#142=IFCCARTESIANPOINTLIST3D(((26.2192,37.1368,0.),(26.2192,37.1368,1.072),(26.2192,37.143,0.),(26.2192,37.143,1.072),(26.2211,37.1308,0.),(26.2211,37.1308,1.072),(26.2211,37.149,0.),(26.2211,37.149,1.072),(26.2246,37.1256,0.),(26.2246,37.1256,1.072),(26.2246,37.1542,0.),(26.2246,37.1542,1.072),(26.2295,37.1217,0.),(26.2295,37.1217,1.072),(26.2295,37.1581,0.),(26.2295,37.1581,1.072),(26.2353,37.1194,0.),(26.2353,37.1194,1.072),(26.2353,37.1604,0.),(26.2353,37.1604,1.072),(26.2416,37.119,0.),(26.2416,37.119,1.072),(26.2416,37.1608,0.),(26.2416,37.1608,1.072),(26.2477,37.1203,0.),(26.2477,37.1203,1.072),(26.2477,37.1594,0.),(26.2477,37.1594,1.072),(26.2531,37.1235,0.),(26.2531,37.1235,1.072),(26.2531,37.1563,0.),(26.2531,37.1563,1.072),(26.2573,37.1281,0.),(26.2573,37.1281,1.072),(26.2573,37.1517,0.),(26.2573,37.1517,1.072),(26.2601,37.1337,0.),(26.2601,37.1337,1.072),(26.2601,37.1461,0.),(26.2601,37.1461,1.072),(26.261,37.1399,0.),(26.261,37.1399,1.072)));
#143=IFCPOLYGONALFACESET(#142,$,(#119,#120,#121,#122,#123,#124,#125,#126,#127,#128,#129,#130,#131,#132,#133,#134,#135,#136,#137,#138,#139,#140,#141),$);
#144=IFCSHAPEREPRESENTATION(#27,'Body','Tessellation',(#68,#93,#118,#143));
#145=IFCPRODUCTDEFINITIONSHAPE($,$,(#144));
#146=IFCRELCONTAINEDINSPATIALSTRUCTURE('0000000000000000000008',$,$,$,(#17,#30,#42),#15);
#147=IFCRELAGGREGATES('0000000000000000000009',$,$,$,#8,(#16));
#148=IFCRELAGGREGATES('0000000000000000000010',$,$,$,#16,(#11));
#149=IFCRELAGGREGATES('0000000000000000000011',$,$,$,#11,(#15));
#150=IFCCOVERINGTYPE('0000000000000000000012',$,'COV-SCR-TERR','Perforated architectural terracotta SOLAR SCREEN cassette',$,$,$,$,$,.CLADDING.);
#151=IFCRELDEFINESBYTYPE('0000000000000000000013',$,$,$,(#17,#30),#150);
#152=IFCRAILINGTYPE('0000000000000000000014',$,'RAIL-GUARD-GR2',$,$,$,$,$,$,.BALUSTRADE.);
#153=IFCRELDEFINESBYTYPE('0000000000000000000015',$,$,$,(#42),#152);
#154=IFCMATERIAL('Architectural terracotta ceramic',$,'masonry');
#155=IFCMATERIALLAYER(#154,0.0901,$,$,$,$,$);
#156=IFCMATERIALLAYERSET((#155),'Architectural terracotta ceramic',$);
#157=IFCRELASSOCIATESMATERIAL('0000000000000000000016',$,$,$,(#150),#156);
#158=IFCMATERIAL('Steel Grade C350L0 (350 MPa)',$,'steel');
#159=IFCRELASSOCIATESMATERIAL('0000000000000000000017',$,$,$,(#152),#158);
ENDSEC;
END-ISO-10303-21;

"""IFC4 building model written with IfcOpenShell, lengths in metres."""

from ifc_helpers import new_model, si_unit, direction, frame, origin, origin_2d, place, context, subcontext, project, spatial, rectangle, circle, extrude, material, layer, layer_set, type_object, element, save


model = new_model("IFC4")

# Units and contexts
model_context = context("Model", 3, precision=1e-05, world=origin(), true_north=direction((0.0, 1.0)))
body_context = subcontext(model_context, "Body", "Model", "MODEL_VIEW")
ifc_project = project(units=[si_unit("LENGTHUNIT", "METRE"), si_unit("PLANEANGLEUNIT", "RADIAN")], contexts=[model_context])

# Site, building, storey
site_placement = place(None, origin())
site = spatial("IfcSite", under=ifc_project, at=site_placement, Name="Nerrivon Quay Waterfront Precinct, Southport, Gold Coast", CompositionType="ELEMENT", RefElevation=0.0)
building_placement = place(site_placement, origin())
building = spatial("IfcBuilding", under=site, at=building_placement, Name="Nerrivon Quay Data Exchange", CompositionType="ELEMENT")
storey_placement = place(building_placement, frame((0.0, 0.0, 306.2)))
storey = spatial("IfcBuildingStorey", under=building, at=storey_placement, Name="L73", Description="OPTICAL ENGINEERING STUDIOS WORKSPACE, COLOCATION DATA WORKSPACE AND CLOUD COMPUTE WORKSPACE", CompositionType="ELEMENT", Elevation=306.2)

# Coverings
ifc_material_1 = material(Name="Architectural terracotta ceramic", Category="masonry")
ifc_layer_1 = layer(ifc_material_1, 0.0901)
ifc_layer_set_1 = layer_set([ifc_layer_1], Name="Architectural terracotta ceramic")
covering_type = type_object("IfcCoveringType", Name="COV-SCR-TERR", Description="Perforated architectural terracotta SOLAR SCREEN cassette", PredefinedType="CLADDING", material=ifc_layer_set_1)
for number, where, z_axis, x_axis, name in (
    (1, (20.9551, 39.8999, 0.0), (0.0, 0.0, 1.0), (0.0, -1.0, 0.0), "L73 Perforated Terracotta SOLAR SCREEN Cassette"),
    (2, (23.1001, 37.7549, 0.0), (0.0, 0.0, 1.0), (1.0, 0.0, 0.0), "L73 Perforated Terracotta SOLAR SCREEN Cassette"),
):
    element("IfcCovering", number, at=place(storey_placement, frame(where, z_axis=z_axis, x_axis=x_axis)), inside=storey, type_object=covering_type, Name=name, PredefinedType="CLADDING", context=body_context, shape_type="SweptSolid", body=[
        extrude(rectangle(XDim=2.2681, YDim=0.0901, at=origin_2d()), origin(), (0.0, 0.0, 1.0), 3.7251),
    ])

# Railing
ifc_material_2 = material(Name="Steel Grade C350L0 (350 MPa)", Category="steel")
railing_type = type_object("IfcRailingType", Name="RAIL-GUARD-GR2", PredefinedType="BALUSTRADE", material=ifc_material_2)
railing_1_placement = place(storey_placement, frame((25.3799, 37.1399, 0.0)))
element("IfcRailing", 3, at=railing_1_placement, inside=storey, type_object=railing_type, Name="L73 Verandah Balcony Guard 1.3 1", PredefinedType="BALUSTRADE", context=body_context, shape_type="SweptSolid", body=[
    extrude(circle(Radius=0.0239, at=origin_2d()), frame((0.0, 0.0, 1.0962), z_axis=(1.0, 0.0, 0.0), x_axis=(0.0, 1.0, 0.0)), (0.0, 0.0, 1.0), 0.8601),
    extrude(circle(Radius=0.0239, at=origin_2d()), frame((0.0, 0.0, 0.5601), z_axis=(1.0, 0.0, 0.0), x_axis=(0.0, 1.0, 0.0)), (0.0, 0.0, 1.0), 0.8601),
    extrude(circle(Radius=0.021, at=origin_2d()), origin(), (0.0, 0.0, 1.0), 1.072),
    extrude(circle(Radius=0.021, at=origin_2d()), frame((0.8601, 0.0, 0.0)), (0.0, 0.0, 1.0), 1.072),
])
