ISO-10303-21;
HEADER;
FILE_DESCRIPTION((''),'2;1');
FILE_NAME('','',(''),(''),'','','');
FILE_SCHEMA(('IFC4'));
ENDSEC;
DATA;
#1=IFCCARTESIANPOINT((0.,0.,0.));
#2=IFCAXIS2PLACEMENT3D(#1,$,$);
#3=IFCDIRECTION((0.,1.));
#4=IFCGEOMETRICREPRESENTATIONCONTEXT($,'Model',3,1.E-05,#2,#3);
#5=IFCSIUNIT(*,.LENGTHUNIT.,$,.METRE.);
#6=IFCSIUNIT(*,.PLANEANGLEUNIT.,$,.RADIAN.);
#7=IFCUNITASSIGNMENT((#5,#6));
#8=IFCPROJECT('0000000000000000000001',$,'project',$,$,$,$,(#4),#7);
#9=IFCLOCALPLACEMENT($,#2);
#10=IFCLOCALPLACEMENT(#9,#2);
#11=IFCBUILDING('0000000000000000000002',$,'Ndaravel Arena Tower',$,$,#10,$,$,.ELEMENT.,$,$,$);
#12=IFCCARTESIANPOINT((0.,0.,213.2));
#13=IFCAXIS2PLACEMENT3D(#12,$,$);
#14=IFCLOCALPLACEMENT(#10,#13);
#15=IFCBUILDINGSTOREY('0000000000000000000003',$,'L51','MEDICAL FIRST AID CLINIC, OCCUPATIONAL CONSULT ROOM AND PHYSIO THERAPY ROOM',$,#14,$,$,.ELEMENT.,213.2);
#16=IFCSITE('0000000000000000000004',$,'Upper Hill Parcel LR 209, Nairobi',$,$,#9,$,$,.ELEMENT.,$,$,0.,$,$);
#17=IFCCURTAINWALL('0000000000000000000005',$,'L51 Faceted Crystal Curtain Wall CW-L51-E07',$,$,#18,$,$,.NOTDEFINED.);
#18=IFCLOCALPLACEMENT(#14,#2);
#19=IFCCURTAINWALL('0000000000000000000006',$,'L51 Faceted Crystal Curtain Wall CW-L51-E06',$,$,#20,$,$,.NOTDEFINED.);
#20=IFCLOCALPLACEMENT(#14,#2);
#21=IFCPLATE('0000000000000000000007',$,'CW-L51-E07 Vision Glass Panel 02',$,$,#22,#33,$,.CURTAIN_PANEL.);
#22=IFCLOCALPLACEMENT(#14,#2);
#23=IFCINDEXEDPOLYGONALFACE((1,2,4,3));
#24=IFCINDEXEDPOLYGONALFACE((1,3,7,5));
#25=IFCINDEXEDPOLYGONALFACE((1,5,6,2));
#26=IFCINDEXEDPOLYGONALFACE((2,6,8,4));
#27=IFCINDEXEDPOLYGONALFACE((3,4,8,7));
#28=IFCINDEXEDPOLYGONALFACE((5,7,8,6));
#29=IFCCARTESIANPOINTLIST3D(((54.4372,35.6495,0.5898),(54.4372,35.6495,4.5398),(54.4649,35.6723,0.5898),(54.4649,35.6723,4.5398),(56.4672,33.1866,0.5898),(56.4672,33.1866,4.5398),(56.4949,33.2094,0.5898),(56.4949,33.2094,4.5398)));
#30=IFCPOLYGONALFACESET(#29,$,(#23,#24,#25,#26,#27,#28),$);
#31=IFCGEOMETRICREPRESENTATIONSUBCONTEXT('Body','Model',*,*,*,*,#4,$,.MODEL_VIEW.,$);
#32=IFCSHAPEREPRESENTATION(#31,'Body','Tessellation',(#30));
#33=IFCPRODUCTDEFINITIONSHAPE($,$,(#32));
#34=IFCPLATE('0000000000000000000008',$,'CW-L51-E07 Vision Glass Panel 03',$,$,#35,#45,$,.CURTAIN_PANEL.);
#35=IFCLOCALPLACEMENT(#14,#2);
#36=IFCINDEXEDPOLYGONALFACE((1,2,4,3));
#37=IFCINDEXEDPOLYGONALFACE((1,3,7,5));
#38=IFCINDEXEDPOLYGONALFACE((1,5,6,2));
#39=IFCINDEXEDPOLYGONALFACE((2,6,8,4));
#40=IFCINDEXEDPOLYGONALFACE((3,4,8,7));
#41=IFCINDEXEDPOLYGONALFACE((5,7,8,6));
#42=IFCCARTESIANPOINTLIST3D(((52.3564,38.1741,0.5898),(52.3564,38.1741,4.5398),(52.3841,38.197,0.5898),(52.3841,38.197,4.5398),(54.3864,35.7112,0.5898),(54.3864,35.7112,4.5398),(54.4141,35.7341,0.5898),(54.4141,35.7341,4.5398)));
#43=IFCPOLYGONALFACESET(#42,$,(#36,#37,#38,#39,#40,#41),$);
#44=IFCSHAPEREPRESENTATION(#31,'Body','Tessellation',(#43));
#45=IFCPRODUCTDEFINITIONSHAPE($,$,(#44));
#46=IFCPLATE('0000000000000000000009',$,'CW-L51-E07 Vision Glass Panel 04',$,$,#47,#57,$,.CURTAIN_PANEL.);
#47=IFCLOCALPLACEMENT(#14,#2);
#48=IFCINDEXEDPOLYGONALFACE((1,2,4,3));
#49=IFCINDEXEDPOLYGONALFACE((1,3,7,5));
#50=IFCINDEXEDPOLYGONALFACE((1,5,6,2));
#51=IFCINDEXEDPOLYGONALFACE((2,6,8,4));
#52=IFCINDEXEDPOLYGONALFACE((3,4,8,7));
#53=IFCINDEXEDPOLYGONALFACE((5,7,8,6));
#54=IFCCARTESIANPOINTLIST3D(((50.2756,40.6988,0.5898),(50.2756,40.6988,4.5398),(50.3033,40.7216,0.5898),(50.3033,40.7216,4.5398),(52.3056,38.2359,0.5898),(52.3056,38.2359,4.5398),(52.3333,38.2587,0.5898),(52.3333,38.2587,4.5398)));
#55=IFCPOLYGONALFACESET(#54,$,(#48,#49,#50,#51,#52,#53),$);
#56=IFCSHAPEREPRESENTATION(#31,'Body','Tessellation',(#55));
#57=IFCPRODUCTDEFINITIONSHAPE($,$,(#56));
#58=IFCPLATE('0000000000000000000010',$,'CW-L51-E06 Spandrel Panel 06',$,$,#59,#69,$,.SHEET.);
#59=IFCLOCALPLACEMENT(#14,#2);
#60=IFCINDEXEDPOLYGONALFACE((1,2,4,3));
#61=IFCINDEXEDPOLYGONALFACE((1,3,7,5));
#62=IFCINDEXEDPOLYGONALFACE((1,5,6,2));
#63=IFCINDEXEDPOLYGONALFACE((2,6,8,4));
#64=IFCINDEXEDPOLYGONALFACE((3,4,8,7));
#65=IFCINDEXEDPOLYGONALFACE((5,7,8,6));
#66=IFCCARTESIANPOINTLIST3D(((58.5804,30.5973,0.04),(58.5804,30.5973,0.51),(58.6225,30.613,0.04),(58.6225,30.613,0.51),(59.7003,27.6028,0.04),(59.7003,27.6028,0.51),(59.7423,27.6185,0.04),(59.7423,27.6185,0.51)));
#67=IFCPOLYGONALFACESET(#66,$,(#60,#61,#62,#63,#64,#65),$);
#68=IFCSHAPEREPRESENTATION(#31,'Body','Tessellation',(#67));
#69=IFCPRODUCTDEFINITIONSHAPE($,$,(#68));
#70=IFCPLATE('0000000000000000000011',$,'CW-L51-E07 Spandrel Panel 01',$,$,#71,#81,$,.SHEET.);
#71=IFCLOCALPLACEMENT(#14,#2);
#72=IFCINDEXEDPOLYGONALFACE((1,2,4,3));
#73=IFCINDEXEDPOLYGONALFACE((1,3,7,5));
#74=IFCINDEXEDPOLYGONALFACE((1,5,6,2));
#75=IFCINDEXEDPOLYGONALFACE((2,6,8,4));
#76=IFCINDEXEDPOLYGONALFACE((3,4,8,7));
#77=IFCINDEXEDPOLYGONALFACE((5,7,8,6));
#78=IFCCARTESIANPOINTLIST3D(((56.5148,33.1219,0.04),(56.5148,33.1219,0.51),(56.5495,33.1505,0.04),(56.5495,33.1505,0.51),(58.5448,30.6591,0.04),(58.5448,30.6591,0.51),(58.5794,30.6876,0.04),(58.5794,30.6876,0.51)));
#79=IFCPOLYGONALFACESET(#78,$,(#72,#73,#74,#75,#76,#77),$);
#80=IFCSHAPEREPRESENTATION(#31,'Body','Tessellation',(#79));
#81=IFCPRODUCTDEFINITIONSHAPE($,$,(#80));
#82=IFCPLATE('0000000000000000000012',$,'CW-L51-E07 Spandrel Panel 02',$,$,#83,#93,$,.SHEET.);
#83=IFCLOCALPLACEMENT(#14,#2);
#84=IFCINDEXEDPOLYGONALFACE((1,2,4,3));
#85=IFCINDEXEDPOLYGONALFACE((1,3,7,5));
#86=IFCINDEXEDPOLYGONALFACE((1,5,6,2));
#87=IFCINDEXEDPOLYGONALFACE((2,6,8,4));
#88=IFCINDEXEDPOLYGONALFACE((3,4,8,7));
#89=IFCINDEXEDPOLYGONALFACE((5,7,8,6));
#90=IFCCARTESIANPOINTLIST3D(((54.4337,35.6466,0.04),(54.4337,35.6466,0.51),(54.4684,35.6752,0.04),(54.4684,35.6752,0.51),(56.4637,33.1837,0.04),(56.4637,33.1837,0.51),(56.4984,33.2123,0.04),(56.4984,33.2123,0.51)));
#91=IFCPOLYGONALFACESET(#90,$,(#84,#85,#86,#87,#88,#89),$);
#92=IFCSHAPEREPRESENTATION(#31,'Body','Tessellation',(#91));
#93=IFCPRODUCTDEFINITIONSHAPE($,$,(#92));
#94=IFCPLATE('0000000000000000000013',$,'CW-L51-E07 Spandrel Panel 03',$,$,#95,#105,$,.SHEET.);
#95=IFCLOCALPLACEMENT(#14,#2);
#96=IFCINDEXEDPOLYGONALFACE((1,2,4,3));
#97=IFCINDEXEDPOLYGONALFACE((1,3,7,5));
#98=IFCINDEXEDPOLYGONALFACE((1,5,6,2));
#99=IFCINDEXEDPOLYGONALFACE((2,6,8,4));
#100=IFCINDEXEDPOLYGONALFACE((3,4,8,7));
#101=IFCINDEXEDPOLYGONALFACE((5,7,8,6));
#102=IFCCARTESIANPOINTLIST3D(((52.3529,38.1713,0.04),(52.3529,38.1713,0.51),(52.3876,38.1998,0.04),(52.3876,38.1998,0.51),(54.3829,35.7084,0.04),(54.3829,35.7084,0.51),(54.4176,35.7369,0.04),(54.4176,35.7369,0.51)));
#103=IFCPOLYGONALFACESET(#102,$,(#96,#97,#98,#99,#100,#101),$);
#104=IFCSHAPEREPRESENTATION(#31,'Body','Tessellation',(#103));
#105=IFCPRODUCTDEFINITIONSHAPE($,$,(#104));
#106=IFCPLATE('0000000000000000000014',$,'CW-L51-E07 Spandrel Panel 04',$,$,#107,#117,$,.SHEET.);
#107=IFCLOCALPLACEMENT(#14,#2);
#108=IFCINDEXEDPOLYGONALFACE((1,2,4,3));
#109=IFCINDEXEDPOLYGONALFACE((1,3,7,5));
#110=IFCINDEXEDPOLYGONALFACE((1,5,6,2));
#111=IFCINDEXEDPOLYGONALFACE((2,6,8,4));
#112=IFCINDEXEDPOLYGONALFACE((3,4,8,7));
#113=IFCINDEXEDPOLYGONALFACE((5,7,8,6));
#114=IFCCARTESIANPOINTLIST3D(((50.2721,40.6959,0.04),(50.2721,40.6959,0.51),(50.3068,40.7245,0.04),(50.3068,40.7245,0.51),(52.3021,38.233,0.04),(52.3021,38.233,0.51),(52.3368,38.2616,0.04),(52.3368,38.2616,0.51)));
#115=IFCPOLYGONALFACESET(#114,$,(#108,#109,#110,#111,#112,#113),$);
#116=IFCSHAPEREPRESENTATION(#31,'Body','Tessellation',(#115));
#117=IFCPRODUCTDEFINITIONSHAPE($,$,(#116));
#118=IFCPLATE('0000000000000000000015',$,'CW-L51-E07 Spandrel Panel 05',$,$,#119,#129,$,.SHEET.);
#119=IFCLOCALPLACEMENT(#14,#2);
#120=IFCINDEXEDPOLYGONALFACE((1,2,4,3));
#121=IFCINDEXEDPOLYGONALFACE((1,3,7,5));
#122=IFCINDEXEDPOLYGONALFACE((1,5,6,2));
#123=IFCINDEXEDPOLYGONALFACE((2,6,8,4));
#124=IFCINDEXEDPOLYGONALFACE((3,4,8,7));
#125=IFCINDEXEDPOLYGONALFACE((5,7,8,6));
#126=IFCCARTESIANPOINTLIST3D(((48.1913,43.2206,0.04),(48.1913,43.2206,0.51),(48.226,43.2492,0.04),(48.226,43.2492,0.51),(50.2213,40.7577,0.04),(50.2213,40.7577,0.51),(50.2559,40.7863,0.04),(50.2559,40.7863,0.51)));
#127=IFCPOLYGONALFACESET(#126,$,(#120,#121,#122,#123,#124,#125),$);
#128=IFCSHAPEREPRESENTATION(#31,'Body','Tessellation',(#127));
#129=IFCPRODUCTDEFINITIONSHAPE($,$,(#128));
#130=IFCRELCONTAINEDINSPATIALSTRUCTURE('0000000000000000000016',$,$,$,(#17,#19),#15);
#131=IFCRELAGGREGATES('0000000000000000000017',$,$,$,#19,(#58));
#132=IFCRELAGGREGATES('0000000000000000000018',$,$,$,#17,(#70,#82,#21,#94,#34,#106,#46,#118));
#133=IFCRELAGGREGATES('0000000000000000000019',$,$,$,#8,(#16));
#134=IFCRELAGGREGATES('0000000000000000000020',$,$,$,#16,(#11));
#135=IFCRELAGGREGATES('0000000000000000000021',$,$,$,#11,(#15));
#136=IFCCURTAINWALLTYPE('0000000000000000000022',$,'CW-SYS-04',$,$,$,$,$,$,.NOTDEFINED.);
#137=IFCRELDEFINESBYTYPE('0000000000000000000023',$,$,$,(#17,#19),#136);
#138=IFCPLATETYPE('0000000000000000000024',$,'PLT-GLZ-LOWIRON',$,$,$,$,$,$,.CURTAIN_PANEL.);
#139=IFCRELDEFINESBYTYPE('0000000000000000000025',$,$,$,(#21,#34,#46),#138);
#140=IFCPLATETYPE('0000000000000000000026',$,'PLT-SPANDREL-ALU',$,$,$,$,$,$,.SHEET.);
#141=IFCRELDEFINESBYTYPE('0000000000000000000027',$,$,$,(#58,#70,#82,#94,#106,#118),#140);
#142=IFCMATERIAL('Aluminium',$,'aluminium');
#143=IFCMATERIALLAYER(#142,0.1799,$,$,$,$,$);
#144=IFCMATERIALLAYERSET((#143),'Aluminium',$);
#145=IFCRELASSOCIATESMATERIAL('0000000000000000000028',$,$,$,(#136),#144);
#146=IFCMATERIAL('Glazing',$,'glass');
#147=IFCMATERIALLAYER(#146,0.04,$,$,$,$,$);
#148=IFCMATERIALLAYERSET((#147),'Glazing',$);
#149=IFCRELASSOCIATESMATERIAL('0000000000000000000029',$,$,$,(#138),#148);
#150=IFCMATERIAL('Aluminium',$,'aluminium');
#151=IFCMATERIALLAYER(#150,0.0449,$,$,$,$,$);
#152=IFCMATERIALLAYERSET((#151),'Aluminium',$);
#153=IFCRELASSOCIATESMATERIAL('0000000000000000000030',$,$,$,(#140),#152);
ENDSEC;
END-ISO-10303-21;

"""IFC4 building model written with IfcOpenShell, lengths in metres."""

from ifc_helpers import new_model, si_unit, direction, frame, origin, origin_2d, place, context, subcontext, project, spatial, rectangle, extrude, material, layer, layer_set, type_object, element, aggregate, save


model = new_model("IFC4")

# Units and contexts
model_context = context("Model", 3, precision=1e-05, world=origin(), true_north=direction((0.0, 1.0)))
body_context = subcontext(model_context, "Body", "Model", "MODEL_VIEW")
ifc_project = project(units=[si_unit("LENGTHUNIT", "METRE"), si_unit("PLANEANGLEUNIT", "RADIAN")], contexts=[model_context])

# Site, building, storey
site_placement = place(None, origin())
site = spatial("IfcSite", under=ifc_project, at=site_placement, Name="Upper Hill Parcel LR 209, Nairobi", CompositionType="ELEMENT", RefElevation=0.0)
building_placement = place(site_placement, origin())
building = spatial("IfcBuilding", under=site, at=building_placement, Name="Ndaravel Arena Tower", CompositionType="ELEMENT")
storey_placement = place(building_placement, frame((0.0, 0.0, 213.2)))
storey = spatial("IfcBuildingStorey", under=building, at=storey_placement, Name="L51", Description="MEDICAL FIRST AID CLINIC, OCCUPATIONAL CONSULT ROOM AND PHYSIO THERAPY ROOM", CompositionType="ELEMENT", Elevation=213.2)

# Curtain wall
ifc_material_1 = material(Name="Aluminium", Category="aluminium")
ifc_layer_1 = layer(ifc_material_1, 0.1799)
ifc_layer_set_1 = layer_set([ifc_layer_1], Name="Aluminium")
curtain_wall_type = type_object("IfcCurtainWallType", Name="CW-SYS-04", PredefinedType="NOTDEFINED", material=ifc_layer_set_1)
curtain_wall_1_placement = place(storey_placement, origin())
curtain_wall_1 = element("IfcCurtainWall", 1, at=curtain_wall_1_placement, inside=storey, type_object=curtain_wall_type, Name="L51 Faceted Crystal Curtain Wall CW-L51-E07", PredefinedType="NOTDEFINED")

· · ·

Task objective. Using the records above, report how many lines include "IFCMATERIALLAYERSET", with no words around the number.

Final answer. 4